### TO DO
Precise copying is required. Return the data below in full.

### THE DATA

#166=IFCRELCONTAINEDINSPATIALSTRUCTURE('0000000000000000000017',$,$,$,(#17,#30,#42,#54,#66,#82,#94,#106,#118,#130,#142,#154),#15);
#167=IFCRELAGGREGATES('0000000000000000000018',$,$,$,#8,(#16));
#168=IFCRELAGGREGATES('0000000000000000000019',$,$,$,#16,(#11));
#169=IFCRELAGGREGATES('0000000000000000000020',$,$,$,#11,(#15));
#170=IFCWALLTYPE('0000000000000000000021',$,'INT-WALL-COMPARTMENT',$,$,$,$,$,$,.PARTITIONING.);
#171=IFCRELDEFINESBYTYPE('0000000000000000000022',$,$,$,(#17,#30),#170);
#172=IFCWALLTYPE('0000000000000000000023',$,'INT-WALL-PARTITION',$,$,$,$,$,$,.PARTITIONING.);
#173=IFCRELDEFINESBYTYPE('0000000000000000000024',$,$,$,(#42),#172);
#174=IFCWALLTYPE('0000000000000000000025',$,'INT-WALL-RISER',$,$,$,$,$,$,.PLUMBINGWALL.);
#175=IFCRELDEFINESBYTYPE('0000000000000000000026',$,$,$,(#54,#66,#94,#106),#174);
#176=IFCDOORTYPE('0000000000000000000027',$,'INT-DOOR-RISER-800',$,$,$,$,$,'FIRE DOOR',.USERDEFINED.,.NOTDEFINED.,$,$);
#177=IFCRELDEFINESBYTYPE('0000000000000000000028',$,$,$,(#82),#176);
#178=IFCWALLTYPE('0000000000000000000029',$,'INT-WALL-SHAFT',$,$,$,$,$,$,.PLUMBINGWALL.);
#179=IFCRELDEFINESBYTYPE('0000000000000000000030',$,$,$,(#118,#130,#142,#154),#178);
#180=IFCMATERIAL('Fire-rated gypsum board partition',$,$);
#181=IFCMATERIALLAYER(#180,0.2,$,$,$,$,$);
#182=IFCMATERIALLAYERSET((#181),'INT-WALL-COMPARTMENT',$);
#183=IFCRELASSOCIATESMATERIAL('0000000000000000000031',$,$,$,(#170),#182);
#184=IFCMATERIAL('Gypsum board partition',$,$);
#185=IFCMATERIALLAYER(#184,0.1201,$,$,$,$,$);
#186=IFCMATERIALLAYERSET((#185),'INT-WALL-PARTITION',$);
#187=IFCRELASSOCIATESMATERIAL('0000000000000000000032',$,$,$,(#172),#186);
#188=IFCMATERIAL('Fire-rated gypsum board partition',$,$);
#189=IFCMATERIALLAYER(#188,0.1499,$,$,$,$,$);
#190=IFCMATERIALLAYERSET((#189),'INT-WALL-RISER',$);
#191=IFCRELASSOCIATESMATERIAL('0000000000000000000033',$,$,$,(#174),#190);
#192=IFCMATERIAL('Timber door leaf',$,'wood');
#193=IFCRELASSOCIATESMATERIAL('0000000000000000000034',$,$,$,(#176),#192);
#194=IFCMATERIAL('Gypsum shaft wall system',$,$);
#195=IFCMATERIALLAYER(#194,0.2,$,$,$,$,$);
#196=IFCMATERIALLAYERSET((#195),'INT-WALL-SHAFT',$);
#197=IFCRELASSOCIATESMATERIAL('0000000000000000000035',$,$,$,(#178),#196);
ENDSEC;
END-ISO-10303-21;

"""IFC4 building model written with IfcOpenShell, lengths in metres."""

### RESULT
#166=IFCRELCONTAINEDINSPATIALSTRUCTURE('0000000000000000000017',$,$,$,(#17,#30,#42,#54,#66,#82,#94,#106,#118,#130,#142,#154),#15);
#167=IFCRELAGGREGATES('0000000000000000000018',$,$,$,#8,(#16));
#168=IFCRELAGGREGATES('0000000000000000000019',$,$,$,#16,(#11));
#169=IFCRELAGGREGATES('0000000000000000000020',$,$,$,#11,(#15));
#170=IFCWALLTYPE('0000000000000000000021',$,'INT-WALL-COMPARTMENT',$,$,$,$,$,$,.PARTITIONING.);
#171=IFCRELDEFINESBYTYPE('0000000000000000000022',$,$,$,(#17,#30),#170);
#172=IFCWALLTYPE('0000000000000000000023',$,'INT-WALL-PARTITION',$,$,$,$,$,$,.PARTITIONING.);
#173=IFCRELDEFINESBYTYPE('0000000000000000000024',$,$,$,(#42),#172);
#174=IFCWALLTYPE('0000000000000000000025',$,'INT-WALL-RISER',$,$,$,$,$,$,.PLUMBINGWALL.);
#175=IFCRELDEFINESBYTYPE('0000000000000000000026',$,$,$,(#54,#66,#94,#106),#174);
#176=IFCDOORTYPE('0000000000000000000027',$,'INT-DOOR-RISER-800',$,$,$,$,$,'FIRE DOOR',.USERDEFINED.,.NOTDEFINED.,$,$);
#177=IFCRELDEFINESBYTYPE('0000000000000000000028',$,$,$,(#82),#176);
#178=IFCWALLTYPE('0000000000000000000029',$,'INT-WALL-SHAFT',$,$,$,$,$,$,.PLUMBINGWALL.);
#179=IFCRELDEFINESBYTYPE('0000000000000000000030',$,$,$,(#118,#130,#142,#154),#178);
#180=IFCMATERIAL('Fire-rated gypsum board partition',$,$);
#181=IFCMATERIALLAYER(#180,0.2,$,$,$,$,$);
#182=IFCMATERIALLAYERSET((#181),'INT-WALL-COMPARTMENT',$);
#183=IFCRELASSOCIATESMATERIAL('0000000000000000000031',$,$,$,(#170),#182);
#184=IFCMATERIAL('Gypsum board partition',$,$);
#185=IFCMATERIALLAYER(#184,0.1201,$,$,$,$,$);
#186=IFCMATERIALLAYERSET((#185),'INT-WALL-PARTITION',$);
#187=IFCRELASSOCIATESMATERIAL('0000000000000000000032',$,$,$,(#172),#186);
#188=IFCMATERIAL('Fire-rated gypsum board partition',$,$);
#189=IFCMATERIALLAYER(#188,0.1499,$,$,$,$,$);
#190=IFCMATERIALLAYERSET((#189),'INT-WALL-RISER',$);
#191=IFCRELASSOCIATESMATERIAL('0000000000000000000033',$,$,$,(#174),#190);
#192=IFCMATERIAL('Timber door leaf',$,'wood');
#193=IFCRELASSOCIATESMATERIAL('0000000000000000000034',$,$,$,(#176),#192);
#194=IFCMATERIAL('Gypsum shaft wall system',$,$);
#195=IFCMATERIALLAYER(#194,0.2,$,$,$,$,$);
#196=IFCMATERIALLAYERSET((#195),'INT-WALL-SHAFT',$);
#197=IFCRELASSOCIATESMATERIAL('0000000000000000000035',$,$,$,(#178),#196);
ENDSEC;
END-ISO-10303-21;

"""IFC4 building model written with IfcOpenShell, lengths in metres."""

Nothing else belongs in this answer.